*** Begin section ***

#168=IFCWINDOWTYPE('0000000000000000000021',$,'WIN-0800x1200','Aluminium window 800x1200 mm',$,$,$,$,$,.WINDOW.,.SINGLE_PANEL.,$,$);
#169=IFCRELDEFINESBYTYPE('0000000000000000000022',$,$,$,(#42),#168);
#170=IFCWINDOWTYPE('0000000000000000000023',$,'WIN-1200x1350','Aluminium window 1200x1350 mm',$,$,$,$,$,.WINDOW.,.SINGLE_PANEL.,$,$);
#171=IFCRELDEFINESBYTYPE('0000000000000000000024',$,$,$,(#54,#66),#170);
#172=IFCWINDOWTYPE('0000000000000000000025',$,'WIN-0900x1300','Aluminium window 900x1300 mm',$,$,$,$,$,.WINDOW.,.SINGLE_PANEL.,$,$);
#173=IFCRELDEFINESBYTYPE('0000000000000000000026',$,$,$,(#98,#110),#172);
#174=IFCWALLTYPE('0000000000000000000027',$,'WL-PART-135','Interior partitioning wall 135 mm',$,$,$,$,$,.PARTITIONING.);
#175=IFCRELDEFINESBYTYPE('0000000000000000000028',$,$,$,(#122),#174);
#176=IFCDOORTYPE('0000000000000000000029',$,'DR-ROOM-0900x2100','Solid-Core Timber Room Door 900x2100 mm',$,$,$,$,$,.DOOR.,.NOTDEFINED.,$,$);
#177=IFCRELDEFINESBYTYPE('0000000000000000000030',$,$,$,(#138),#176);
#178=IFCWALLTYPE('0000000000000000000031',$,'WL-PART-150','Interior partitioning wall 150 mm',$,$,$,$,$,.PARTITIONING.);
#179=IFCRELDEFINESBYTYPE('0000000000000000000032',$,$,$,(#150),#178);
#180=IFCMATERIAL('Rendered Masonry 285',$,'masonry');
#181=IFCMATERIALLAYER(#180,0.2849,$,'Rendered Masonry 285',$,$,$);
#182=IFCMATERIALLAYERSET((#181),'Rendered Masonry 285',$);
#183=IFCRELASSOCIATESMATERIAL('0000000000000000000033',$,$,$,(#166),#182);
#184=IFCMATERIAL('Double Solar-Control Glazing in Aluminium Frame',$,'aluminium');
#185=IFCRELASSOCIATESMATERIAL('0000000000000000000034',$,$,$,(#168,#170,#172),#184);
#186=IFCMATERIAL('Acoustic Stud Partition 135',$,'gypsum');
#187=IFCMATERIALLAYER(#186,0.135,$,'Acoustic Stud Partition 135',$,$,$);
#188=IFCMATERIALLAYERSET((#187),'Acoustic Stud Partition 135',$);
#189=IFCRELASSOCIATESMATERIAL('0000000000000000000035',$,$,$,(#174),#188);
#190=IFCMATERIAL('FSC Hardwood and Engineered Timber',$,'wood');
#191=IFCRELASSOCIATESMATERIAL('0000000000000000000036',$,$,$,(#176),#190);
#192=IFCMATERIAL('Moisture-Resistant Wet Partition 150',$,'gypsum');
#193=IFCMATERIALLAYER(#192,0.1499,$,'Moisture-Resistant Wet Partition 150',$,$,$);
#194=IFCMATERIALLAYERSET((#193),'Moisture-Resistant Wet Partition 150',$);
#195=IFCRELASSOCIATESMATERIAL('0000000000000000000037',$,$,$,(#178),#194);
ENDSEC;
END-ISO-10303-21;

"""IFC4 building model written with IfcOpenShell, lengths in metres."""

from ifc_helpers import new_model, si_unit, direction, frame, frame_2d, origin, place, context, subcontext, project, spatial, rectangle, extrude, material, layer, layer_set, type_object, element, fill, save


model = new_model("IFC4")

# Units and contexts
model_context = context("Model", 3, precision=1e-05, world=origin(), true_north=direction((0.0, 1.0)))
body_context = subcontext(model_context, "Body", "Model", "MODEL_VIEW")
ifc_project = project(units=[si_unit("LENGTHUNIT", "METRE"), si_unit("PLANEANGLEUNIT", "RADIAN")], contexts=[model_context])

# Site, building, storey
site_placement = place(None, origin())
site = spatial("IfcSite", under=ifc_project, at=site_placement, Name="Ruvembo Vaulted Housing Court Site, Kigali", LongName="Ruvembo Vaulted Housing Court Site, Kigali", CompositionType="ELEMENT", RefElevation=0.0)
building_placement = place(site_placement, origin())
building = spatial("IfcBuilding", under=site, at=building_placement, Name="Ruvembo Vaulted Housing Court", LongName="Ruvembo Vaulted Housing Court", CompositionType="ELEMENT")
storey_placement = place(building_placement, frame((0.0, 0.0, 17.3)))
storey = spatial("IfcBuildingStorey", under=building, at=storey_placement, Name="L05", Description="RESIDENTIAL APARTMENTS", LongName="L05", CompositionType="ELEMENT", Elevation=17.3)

*** End section ***
*** Begin section ***

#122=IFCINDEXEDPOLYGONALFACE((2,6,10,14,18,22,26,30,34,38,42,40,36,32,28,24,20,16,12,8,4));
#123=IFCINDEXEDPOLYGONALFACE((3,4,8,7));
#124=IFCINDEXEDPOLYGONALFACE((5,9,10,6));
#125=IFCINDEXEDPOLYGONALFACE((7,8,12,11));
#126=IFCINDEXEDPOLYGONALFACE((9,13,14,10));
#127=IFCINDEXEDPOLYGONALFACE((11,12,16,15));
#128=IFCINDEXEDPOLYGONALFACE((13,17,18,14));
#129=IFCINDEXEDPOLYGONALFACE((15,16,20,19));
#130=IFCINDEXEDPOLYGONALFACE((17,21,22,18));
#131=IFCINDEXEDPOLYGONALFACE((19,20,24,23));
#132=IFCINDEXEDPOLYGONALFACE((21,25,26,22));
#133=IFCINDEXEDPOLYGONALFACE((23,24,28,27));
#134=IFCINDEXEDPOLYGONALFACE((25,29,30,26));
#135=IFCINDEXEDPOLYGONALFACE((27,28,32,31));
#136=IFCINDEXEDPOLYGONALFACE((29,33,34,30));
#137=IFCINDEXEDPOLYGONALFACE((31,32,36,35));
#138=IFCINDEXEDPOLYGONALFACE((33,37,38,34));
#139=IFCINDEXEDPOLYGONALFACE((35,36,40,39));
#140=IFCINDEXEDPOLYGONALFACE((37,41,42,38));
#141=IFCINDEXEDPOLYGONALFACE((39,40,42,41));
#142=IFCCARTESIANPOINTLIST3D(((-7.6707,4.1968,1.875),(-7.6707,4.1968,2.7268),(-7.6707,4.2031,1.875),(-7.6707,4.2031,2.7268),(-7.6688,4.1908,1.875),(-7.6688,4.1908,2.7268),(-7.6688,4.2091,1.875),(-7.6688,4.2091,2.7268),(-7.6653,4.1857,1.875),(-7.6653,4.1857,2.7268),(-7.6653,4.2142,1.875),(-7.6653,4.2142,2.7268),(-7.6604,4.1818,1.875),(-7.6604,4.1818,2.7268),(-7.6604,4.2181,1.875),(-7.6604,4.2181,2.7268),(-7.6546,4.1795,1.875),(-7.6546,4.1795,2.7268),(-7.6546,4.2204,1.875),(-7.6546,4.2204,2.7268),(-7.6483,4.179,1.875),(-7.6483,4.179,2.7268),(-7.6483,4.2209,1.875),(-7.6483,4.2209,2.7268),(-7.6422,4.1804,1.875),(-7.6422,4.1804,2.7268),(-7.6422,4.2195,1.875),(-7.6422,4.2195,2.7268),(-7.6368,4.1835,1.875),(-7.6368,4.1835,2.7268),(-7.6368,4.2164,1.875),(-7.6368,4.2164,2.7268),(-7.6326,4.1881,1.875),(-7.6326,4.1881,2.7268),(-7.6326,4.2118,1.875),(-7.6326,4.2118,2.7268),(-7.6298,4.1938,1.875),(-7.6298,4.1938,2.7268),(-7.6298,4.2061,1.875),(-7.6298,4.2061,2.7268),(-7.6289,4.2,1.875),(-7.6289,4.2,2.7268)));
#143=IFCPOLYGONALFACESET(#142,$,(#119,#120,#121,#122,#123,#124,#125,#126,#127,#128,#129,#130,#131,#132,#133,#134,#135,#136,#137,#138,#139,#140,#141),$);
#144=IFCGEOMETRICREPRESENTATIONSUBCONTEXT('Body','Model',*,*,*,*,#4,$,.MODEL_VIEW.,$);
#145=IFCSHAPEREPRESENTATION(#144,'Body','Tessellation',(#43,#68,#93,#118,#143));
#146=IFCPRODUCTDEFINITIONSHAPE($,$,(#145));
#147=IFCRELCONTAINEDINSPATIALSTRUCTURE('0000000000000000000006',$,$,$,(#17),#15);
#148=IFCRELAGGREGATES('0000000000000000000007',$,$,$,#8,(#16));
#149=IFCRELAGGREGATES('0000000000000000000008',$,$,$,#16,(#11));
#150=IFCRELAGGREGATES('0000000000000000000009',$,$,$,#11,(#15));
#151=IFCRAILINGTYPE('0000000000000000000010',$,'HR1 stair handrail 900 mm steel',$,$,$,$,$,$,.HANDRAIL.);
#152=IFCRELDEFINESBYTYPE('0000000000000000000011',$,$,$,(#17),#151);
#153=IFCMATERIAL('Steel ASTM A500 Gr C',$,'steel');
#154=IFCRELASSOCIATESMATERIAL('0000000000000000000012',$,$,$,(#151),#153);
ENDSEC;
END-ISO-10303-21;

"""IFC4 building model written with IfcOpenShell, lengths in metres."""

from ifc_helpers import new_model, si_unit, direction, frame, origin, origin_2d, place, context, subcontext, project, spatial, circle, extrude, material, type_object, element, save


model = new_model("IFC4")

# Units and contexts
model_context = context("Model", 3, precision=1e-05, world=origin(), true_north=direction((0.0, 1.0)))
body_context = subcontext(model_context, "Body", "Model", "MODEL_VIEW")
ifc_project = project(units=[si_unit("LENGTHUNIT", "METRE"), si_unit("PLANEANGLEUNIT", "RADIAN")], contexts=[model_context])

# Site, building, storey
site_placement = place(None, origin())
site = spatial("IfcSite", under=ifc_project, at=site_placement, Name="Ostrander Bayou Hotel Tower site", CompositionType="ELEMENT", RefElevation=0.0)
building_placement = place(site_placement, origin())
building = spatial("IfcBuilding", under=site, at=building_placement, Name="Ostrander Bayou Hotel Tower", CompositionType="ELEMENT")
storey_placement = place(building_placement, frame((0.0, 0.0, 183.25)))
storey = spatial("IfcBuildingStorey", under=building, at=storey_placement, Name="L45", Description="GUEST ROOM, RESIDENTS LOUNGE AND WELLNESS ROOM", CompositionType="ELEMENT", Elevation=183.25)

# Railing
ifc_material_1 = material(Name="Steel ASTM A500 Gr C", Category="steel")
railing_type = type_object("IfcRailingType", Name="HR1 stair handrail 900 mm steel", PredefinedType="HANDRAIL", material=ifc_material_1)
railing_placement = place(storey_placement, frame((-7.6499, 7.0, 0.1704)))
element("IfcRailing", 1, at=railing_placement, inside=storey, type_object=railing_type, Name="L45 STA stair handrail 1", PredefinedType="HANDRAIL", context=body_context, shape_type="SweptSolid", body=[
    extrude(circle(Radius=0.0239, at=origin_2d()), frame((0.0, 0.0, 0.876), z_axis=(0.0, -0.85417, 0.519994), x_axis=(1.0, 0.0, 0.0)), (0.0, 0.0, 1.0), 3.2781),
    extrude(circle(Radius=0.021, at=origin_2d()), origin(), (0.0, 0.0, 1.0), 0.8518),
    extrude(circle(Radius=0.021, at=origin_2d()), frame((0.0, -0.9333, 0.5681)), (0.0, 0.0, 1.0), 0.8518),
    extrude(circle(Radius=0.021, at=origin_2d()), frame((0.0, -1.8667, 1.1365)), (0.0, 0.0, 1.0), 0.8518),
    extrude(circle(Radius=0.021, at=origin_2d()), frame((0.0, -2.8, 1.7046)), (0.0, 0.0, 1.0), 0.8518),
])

*** End section ***
*** Begin section ***

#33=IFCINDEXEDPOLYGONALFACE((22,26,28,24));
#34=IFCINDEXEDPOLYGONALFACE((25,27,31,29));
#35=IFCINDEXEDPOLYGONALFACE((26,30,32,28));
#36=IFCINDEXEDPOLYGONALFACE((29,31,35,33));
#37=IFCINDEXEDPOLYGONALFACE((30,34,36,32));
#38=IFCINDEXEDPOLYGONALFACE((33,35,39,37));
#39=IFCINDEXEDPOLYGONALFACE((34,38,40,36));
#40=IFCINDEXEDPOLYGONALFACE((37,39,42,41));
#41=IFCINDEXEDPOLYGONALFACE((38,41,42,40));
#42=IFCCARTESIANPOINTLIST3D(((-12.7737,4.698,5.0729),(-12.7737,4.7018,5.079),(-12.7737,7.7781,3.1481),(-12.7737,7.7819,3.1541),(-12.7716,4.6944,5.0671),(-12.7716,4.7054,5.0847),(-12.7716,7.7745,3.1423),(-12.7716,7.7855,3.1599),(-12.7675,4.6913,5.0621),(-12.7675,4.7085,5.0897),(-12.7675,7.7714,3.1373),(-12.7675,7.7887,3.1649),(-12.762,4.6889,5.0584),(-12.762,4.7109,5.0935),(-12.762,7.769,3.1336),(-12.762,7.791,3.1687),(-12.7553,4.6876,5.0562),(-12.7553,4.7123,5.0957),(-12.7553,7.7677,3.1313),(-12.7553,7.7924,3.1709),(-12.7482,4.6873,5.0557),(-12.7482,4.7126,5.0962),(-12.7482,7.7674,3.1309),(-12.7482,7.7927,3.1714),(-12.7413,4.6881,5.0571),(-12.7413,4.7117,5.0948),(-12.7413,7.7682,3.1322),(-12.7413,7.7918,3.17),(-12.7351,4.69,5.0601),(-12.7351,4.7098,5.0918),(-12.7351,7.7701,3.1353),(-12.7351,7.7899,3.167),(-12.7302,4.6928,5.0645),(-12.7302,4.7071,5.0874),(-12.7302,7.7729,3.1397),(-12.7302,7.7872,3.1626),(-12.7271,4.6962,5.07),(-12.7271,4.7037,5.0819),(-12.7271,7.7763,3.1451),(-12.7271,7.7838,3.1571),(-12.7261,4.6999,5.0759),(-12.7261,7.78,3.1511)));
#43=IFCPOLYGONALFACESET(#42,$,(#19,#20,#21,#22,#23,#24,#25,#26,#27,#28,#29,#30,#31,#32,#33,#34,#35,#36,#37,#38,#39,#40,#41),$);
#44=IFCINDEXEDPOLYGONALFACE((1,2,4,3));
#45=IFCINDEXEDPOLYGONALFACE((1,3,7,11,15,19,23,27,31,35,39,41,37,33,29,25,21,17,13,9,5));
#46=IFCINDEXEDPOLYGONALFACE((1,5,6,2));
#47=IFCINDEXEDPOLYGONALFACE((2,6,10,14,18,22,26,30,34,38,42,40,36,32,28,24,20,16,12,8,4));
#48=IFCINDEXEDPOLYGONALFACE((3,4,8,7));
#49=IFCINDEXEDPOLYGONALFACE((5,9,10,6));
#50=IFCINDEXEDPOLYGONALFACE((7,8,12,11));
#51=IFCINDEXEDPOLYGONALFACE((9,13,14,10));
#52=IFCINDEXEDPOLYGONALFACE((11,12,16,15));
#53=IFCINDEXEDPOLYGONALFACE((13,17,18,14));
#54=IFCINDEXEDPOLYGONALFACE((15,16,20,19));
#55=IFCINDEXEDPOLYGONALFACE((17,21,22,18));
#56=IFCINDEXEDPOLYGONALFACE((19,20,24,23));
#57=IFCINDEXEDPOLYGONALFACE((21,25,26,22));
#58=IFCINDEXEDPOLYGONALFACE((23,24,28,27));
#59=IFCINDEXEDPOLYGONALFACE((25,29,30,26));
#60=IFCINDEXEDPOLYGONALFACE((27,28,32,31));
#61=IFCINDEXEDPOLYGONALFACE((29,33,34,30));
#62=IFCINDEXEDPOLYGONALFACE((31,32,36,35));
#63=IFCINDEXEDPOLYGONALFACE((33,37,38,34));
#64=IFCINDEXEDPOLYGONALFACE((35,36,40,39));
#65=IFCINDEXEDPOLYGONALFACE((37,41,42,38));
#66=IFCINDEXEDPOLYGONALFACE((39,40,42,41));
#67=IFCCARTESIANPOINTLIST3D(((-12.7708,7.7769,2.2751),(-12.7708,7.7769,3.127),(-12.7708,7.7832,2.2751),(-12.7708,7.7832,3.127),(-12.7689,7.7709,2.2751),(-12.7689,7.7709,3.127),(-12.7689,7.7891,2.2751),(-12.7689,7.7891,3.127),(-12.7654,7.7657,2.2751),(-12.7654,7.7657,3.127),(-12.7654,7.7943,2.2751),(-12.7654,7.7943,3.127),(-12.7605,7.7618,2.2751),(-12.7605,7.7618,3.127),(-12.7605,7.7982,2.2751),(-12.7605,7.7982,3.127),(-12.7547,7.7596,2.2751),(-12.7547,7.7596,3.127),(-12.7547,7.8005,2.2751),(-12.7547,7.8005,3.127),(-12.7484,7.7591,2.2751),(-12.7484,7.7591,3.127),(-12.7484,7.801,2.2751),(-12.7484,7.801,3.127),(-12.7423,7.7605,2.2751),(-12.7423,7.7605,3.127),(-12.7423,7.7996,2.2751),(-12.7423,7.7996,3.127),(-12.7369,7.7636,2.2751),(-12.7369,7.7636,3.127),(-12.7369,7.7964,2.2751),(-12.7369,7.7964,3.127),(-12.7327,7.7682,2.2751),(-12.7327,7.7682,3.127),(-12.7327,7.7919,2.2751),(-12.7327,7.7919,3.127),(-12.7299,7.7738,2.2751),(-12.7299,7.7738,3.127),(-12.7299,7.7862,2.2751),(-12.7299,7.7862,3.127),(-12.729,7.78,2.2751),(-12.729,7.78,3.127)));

*** End section ***

*Exercise prompt*. Wherever the word "PredefinedType" appears in the listing above, copy that line.

*Response*.
railing_type = type_object("IfcRailingType", Name="HR1 stair handrail 900 mm steel", PredefinedType="HANDRAIL", material=ifc_material_1)
element("IfcRailing", 1, at=railing_placement, inside=storey, type_object=railing_type, Name="L45 STA stair handrail 1", PredefinedType="HANDRAIL", context=body_context, shape_type="SweptSolid", body=[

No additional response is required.